TASK DATA ->

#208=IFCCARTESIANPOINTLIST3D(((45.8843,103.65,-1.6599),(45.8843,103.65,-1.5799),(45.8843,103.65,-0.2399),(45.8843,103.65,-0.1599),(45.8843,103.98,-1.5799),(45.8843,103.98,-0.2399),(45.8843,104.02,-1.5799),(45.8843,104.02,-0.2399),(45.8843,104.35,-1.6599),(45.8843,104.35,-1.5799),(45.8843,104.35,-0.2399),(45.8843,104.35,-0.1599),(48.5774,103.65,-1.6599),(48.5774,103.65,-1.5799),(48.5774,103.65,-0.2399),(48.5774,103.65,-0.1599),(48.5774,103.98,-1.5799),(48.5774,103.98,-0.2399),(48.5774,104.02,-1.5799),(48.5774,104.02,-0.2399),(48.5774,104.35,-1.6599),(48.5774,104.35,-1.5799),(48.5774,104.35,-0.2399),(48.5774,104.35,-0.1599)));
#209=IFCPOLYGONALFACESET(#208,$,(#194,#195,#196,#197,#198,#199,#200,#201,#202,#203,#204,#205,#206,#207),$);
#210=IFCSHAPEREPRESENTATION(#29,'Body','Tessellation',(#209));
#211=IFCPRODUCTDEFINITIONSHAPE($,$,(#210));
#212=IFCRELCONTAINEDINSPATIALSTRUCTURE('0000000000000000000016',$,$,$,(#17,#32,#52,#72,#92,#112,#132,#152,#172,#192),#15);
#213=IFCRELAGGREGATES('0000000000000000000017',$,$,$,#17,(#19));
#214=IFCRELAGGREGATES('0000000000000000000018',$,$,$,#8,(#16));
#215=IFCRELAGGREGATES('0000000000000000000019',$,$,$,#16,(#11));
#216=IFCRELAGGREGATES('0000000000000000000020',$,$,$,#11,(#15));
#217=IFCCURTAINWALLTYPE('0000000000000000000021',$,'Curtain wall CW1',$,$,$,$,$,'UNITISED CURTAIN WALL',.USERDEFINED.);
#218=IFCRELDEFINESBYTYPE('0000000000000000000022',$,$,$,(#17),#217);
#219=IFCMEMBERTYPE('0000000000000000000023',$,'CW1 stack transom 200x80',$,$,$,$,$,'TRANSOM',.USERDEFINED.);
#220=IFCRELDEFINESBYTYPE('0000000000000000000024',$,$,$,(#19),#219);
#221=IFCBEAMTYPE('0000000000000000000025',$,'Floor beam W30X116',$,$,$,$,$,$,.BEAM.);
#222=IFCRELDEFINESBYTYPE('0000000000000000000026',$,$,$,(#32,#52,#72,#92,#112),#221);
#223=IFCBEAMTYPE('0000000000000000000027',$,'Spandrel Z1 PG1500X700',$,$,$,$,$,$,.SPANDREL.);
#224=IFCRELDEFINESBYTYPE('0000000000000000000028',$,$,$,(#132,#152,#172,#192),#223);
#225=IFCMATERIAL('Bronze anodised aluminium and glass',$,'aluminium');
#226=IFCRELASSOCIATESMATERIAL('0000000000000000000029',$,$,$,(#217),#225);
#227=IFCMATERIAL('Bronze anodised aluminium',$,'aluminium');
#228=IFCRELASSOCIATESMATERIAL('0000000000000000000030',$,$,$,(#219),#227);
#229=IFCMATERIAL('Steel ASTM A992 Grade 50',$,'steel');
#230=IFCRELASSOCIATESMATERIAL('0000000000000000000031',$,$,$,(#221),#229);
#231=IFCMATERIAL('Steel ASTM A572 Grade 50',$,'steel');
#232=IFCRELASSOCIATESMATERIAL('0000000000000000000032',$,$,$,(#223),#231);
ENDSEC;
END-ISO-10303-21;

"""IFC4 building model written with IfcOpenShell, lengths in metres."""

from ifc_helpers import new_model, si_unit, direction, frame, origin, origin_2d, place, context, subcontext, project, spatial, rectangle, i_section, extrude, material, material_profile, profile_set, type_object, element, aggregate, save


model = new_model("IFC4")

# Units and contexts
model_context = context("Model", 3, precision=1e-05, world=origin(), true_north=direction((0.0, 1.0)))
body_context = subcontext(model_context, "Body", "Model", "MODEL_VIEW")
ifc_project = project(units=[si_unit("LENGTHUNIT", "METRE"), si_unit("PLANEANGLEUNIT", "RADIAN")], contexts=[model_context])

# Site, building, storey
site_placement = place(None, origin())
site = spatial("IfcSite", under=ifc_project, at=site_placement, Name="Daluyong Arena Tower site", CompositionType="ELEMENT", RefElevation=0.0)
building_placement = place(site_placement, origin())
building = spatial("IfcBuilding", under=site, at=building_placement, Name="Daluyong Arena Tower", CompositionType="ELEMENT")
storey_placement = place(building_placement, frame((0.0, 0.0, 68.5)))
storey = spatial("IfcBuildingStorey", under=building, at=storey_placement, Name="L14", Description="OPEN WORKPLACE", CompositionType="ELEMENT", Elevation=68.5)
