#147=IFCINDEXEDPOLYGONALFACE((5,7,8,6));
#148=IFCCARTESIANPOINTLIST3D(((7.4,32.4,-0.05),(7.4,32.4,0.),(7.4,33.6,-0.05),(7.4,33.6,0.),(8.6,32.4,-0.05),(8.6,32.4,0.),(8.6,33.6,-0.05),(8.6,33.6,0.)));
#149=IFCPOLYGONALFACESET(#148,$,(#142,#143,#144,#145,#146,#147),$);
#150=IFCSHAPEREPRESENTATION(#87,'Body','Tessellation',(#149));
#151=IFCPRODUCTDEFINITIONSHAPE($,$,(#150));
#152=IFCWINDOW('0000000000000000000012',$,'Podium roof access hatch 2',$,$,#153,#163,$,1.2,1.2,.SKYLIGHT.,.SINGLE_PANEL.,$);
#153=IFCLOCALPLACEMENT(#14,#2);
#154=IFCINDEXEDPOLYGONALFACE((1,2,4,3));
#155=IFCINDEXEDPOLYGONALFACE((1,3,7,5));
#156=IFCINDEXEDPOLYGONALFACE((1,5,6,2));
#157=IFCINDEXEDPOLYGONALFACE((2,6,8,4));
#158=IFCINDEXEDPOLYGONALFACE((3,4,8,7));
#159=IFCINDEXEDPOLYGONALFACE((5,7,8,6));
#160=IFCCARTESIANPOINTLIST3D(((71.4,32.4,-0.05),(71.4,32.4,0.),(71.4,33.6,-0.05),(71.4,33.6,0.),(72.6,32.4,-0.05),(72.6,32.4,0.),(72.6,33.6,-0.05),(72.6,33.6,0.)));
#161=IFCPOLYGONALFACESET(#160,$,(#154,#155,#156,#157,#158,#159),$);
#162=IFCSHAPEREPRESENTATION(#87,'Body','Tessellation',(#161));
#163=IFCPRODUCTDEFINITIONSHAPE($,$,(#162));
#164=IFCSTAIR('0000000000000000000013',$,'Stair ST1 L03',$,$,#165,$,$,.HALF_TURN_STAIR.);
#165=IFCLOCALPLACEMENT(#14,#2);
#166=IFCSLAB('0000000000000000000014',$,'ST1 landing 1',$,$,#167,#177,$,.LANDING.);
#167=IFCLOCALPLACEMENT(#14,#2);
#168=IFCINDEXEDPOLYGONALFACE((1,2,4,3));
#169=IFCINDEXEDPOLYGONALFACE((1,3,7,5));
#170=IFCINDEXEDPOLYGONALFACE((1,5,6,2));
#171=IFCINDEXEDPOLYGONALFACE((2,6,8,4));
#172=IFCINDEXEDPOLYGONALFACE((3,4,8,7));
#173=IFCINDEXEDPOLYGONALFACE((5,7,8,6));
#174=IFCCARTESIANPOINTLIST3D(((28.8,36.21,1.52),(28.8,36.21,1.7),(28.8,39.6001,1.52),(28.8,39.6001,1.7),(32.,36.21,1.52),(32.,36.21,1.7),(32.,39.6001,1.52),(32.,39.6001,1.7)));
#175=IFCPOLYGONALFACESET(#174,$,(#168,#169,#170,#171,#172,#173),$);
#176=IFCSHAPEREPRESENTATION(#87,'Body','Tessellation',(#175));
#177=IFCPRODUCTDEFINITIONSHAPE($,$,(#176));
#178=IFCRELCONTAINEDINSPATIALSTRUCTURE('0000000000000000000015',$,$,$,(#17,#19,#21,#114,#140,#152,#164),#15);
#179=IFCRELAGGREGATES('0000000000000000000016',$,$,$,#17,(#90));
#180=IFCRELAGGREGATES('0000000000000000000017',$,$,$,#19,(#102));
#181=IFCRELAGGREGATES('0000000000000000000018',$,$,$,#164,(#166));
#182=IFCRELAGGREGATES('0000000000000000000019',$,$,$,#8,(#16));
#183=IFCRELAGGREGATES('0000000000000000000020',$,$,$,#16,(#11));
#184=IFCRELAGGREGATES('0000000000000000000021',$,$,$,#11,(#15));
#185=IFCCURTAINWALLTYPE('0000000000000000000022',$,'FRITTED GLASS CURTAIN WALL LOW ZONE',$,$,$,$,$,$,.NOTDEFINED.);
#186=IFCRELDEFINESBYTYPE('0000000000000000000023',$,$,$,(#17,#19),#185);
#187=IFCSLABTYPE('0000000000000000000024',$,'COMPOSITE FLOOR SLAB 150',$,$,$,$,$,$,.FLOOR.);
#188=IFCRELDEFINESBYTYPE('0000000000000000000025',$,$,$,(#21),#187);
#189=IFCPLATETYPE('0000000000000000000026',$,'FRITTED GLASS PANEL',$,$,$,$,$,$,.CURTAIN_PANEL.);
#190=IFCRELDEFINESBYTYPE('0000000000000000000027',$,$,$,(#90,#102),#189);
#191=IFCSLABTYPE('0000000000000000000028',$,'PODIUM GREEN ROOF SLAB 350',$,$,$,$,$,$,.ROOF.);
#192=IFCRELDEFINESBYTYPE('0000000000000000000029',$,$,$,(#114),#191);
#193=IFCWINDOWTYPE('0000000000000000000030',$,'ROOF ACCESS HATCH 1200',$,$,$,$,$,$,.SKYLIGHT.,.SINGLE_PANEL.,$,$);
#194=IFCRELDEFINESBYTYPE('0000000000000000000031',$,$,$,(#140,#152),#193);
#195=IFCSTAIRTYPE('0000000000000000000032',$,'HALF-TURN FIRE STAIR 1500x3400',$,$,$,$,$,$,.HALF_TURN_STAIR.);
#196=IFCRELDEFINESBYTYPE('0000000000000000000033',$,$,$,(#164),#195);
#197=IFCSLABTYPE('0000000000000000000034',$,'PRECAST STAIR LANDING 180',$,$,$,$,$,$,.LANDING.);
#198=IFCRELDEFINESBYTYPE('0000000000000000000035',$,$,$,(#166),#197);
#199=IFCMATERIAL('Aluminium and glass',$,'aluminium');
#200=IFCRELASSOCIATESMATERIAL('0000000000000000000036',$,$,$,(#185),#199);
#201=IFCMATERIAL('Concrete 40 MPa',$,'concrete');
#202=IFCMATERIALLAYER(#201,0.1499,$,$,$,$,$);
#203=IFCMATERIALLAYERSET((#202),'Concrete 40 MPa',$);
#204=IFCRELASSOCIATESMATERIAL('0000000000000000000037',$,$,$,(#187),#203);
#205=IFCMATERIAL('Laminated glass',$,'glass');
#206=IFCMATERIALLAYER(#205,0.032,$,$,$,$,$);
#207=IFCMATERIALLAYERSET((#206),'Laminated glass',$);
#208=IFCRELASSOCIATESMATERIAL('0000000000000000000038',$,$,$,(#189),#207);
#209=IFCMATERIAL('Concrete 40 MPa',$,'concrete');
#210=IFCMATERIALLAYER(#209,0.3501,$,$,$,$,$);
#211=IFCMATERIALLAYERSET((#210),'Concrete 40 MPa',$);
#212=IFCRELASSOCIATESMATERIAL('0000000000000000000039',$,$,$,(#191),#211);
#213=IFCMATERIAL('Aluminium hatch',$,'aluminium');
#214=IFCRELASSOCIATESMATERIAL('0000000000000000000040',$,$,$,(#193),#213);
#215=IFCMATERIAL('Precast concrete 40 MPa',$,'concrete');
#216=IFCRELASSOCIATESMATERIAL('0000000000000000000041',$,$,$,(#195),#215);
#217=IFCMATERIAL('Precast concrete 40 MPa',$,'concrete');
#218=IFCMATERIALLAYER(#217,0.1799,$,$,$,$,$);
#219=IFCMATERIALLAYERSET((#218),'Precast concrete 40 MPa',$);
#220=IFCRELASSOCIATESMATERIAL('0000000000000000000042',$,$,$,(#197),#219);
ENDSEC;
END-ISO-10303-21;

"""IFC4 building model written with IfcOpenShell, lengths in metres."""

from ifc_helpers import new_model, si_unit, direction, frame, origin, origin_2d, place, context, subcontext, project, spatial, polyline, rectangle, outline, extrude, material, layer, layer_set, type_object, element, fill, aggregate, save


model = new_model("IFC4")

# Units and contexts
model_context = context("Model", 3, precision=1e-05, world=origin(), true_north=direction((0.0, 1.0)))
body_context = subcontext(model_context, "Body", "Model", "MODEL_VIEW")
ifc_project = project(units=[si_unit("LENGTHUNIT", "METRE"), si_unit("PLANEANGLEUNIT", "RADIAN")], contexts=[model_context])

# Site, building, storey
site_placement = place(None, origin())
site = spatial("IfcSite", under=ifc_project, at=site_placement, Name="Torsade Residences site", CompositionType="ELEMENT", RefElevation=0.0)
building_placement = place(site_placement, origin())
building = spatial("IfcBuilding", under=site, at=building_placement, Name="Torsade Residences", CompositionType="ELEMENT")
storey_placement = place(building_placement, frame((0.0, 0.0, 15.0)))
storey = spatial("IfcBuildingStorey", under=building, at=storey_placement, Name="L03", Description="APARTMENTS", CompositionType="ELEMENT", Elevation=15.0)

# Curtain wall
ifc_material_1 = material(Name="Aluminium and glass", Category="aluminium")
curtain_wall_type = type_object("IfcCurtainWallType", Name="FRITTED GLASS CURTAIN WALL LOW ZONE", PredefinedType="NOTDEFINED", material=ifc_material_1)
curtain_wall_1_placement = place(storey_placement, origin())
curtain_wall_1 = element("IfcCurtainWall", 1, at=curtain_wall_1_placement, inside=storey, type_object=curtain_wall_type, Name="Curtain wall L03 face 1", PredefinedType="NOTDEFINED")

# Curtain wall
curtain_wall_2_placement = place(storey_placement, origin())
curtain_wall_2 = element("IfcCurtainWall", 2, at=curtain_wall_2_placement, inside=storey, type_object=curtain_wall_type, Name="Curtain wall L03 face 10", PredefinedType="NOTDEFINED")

ASSIGNED TASK -> What you give back must be the stretch above, starting at the line with "#162=IFCSHAPEREPRESENTATION(#87,'Body','Tessellation',(#161));" and ending at the line with "#177=IFCPRODUCTDEFINITIONSHAPE($,$,(#176));", copied exactly.

ANSWER FOR THE TASK ->
#162=IFCSHAPEREPRESENTATION(#87,'Body','Tessellation',(#161));
#163=IFCPRODUCTDEFINITIONSHAPE($,$,(#162));
#164=IFCSTAIR('0000000000000000000013',$,'Stair ST1 L03',$,$,#165,$,$,.HALF_TURN_STAIR.);
#165=IFCLOCALPLACEMENT(#14,#2);
#166=IFCSLAB('0000000000000000000014',$,'ST1 landing 1',$,$,#167,#177,$,.LANDING.);
#167=IFCLOCALPLACEMENT(#14,#2);
#168=IFCINDEXEDPOLYGONALFACE((1,2,4,3));
#169=IFCINDEXEDPOLYGONALFACE((1,3,7,5));
#170=IFCINDEXEDPOLYGONALFACE((1,5,6,2));
#171=IFCINDEXEDPOLYGONALFACE((2,6,8,4));
#172=IFCINDEXEDPOLYGONALFACE((3,4,8,7));
#173=IFCINDEXEDPOLYGONALFACE((5,7,8,6));
#174=IFCCARTESIANPOINTLIST3D(((28.8,36.21,1.52),(28.8,36.21,1.7),(28.8,39.6001,1.52),(28.8,39.6001,1.7),(32.,36.21,1.52),(32.,36.21,1.7),(32.,39.6001,1.52),(32.,39.6001,1.7)));
#175=IFCPOLYGONALFACESET(#174,$,(#168,#169,#170,#171,#172,#173),$);
#176=IFCSHAPEREPRESENTATION(#87,'Body','Tessellation',(#175));
#177=IFCPRODUCTDEFINITIONSHAPE($,$,(#176));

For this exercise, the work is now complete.